* _WORK TASK_:
Output exactly the lines from the line with "#82=IFCINDEXEDPOLYGONALFACE((7,11,12,8));" through the end of the records below. Include nothing else.

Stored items
- - - -

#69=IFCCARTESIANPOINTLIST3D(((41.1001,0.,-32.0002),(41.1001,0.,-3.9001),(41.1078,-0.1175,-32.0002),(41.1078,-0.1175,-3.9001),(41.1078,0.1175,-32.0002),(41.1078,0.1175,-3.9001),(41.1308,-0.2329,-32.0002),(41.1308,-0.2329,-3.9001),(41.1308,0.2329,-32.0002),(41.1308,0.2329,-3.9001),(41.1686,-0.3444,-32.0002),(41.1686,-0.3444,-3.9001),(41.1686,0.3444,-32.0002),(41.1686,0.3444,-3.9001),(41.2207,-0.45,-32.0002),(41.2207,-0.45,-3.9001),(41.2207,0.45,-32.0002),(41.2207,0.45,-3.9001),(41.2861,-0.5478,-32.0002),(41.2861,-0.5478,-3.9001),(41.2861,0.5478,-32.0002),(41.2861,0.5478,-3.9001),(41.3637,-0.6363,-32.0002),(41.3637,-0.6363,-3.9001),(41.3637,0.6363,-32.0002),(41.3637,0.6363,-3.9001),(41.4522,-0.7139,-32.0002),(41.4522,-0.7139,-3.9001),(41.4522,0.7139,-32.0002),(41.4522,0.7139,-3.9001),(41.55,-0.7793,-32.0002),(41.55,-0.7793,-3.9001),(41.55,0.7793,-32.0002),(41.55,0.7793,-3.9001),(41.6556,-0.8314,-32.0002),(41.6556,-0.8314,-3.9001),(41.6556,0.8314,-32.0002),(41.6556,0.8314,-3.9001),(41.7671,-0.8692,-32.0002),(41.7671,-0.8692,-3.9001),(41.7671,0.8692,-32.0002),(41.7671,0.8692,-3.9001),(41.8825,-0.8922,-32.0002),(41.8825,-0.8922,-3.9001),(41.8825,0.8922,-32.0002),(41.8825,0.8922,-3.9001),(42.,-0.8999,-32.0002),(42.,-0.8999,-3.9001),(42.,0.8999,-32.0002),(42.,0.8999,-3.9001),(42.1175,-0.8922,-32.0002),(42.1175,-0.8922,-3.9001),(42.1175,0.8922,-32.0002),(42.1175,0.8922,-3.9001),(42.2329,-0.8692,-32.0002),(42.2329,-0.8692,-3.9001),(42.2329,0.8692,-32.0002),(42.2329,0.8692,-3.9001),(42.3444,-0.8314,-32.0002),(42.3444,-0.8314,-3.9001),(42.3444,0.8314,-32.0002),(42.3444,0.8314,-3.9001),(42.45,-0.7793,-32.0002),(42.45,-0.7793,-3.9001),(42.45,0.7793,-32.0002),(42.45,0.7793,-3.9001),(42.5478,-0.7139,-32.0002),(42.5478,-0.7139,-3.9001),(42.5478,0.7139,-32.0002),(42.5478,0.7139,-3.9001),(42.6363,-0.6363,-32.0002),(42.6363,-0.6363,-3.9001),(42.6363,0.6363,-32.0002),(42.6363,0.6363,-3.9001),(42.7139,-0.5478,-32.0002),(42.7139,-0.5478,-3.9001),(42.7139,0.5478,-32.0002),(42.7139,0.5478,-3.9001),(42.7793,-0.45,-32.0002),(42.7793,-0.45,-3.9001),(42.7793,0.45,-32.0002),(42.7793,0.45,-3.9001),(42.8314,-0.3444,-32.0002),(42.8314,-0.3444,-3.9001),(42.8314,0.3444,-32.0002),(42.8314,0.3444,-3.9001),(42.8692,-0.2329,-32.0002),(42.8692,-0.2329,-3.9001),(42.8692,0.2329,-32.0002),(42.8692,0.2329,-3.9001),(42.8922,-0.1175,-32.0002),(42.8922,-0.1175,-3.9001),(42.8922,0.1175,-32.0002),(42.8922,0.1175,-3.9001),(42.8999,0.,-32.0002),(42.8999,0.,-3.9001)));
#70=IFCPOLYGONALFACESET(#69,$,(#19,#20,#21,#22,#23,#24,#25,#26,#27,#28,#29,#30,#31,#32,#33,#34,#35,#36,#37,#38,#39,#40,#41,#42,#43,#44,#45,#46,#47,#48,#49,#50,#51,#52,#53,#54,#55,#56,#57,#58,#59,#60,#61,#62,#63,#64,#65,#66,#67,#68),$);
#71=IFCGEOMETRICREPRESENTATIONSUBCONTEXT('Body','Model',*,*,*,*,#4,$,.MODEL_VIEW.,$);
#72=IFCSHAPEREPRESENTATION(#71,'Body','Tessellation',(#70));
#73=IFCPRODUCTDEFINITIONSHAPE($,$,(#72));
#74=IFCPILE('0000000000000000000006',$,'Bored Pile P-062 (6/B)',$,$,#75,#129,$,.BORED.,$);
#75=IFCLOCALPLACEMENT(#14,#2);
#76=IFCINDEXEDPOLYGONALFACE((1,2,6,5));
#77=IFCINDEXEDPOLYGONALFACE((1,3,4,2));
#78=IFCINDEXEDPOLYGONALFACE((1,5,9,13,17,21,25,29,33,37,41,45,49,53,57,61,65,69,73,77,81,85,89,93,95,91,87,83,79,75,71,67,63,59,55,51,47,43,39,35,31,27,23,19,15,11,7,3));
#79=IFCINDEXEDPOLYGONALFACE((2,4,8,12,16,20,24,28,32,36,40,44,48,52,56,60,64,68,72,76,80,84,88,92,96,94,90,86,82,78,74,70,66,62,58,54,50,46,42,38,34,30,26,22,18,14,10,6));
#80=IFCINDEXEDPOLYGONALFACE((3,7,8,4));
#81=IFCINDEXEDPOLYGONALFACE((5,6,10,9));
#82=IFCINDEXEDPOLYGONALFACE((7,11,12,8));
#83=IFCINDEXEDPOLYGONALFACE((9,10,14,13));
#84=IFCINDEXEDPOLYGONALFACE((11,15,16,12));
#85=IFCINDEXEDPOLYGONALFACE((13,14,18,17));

- - - -

* _OUTPUT BELOW_:
#82=IFCINDEXEDPOLYGONALFACE((7,11,12,8));
#83=IFCINDEXEDPOLYGONALFACE((9,10,14,13));
#84=IFCINDEXEDPOLYGONALFACE((11,15,16,12));
#85=IFCINDEXEDPOLYGONALFACE((13,14,18,17));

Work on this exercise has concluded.